## What you have to do
Below are some records; retype all of them exactly.

## Saved data entries

= = = = = = =

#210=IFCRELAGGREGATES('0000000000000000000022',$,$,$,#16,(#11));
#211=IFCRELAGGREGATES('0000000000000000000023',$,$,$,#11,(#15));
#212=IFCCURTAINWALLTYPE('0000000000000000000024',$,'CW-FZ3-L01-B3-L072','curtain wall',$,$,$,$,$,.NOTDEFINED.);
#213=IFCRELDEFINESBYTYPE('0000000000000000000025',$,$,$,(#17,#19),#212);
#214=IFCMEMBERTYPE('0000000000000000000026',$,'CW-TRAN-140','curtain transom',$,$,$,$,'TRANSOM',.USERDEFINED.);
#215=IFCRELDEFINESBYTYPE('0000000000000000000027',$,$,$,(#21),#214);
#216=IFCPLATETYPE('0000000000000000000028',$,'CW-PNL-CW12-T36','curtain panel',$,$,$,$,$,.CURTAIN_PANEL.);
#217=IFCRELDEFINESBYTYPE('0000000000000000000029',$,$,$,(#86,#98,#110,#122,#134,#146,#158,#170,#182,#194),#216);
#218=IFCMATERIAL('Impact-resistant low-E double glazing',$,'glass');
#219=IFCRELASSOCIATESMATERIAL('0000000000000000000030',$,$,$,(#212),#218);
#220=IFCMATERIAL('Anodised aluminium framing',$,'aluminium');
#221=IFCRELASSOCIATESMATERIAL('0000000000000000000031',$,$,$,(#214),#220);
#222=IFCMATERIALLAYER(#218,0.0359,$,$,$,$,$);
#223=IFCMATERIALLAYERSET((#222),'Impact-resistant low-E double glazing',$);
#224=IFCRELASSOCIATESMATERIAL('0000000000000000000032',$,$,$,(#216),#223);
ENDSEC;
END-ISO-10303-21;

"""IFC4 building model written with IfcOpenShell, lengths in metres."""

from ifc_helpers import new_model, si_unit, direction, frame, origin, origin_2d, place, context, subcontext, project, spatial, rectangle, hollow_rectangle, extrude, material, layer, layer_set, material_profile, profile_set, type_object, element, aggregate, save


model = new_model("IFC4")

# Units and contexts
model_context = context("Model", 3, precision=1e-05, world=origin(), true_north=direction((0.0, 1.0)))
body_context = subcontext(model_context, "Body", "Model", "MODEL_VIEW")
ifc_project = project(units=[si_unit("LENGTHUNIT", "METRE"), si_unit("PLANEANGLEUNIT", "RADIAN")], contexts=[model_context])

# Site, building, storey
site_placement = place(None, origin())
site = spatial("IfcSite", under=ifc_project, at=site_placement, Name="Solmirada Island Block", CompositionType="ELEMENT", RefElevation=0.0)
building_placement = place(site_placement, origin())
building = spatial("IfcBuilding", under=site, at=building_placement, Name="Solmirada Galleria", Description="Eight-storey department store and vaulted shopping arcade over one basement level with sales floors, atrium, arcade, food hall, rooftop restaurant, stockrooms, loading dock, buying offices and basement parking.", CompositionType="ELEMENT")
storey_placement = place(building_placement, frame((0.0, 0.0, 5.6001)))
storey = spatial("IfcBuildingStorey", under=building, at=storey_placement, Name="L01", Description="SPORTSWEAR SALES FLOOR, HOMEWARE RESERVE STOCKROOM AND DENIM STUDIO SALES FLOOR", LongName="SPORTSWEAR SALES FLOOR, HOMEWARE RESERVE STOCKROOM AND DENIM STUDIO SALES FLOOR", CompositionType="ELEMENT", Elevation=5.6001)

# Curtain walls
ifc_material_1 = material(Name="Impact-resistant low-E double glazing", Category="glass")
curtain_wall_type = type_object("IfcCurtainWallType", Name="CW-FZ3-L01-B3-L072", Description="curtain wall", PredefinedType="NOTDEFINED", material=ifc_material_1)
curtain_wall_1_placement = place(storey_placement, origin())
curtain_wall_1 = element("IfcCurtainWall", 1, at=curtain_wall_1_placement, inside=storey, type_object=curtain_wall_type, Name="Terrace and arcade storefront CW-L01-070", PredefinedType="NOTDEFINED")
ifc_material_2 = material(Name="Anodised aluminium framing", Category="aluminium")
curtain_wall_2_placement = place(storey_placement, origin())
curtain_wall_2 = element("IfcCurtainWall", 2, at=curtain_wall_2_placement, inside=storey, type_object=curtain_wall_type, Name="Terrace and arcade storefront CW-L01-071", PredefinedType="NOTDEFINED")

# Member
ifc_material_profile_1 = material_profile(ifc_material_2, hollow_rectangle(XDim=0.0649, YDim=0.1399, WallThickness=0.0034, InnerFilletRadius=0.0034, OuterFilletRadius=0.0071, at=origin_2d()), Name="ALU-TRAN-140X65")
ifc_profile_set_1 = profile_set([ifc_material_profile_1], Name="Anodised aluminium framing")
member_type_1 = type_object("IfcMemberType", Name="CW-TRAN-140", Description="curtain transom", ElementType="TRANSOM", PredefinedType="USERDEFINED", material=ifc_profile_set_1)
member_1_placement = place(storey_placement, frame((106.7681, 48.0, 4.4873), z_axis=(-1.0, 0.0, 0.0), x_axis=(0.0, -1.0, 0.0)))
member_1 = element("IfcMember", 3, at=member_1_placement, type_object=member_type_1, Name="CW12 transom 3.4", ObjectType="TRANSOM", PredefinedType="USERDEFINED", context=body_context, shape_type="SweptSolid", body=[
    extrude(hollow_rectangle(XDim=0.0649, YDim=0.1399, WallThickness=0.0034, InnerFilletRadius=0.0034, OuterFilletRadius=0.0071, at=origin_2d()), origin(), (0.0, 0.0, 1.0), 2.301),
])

= = = = = = =

## Written response
#210=IFCRELAGGREGATES('0000000000000000000022',$,$,$,#16,(#11));
#211=IFCRELAGGREGATES('0000000000000000000023',$,$,$,#11,(#15));
#212=IFCCURTAINWALLTYPE('0000000000000000000024',$,'CW-FZ3-L01-B3-L072','curtain wall',$,$,$,$,$,.NOTDEFINED.);
#213=IFCRELDEFINESBYTYPE('0000000000000000000025',$,$,$,(#17,#19),#212);
#214=IFCMEMBERTYPE('0000000000000000000026',$,'CW-TRAN-140','curtain transom',$,$,$,$,'TRANSOM',.USERDEFINED.);
#215=IFCRELDEFINESBYTYPE('0000000000000000000027',$,$,$,(#21),#214);
#216=IFCPLATETYPE('0000000000000000000028',$,'CW-PNL-CW12-T36','curtain panel',$,$,$,$,$,.CURTAIN_PANEL.);
#217=IFCRELDEFINESBYTYPE('0000000000000000000029',$,$,$,(#86,#98,#110,#122,#134,#146,#158,#170,#182,#194),#216);
#218=IFCMATERIAL('Impact-resistant low-E double glazing',$,'glass');
#219=IFCRELASSOCIATESMATERIAL('0000000000000000000030',$,$,$,(#212),#218);
#220=IFCMATERIAL('Anodised aluminium framing',$,'aluminium');
#221=IFCRELASSOCIATESMATERIAL('0000000000000000000031',$,$,$,(#214),#220);
#222=IFCMATERIALLAYER(#218,0.0359,$,$,$,$,$);
#223=IFCMATERIALLAYERSET((#222),'Impact-resistant low-E double glazing',$);
#224=IFCRELASSOCIATESMATERIAL('0000000000000000000032',$,$,$,(#216),#223);
ENDSEC;
END-ISO-10303-21;

"""IFC4 building model written with IfcOpenShell, lengths in metres."""

from ifc_helpers import new_model, si_unit, direction, frame, origin, origin_2d, place, context, subcontext, project, spatial, rectangle, hollow_rectangle, extrude, material, layer, layer_set, material_profile, profile_set, type_object, element, aggregate, save


model = new_model("IFC4")

# Units and contexts
model_context = context("Model", 3, precision=1e-05, world=origin(), true_north=direction((0.0, 1.0)))
body_context = subcontext(model_context, "Body", "Model", "MODEL_VIEW")
ifc_project = project(units=[si_unit("LENGTHUNIT", "METRE"), si_unit("PLANEANGLEUNIT", "RADIAN")], contexts=[model_context])

# Site, building, storey
site_placement = place(None, origin())
site = spatial("IfcSite", under=ifc_project, at=site_placement, Name="Solmirada Island Block", CompositionType="ELEMENT", RefElevation=0.0)
building_placement = place(site_placement, origin())
building = spatial("IfcBuilding", under=site, at=building_placement, Name="Solmirada Galleria", Description="Eight-storey department store and vaulted shopping arcade over one basement level with sales floors, atrium, arcade, food hall, rooftop restaurant, stockrooms, loading dock, buying offices and basement parking.", CompositionType="ELEMENT")
storey_placement = place(building_placement, frame((0.0, 0.0, 5.6001)))
storey = spatial("IfcBuildingStorey", under=building, at=storey_placement, Name="L01", Description="SPORTSWEAR SALES FLOOR, HOMEWARE RESERVE STOCKROOM AND DENIM STUDIO SALES FLOOR", LongName="SPORTSWEAR SALES FLOOR, HOMEWARE RESERVE STOCKROOM AND DENIM STUDIO SALES FLOOR", CompositionType="ELEMENT", Elevation=5.6001)

# Curtain walls
ifc_material_1 = material(Name="Impact-resistant low-E double glazing", Category="glass")
curtain_wall_type = type_object("IfcCurtainWallType", Name="CW-FZ3-L01-B3-L072", Description="curtain wall", PredefinedType="NOTDEFINED", material=ifc_material_1)
curtain_wall_1_placement = place(storey_placement, origin())
curtain_wall_1 = element("IfcCurtainWall", 1, at=curtain_wall_1_placement, inside=storey, type_object=curtain_wall_type, Name="Terrace and arcade storefront CW-L01-070", PredefinedType="NOTDEFINED")
ifc_material_2 = material(Name="Anodised aluminium framing", Category="aluminium")
curtain_wall_2_placement = place(storey_placement, origin())
curtain_wall_2 = element("IfcCurtainWall", 2, at=curtain_wall_2_placement, inside=storey, type_object=curtain_wall_type, Name="Terrace and arcade storefront CW-L01-071", PredefinedType="NOTDEFINED")

# Member
ifc_material_profile_1 = material_profile(ifc_material_2, hollow_rectangle(XDim=0.0649, YDim=0.1399, WallThickness=0.0034, InnerFilletRadius=0.0034, OuterFilletRadius=0.0071, at=origin_2d()), Name="ALU-TRAN-140X65")
ifc_profile_set_1 = profile_set([ifc_material_profile_1], Name="Anodised aluminium framing")
member_type_1 = type_object("IfcMemberType", Name="CW-TRAN-140", Description="curtain transom", ElementType="TRANSOM", PredefinedType="USERDEFINED", material=ifc_profile_set_1)
member_1_placement = place(storey_placement, frame((106.7681, 48.0, 4.4873), z_axis=(-1.0, 0.0, 0.0), x_axis=(0.0, -1.0, 0.0)))
member_1 = element("IfcMember", 3, at=member_1_placement, type_object=member_type_1, Name="CW12 transom 3.4", ObjectType="TRANSOM", PredefinedType="USERDEFINED", context=body_context, shape_type="SweptSolid", body=[
    extrude(hollow_rectangle(XDim=0.0649, YDim=0.1399, WallThickness=0.0034, InnerFilletRadius=0.0034, OuterFilletRadius=0.0071, at=origin_2d()), origin(), (0.0, 0.0, 1.0), 2.301),
])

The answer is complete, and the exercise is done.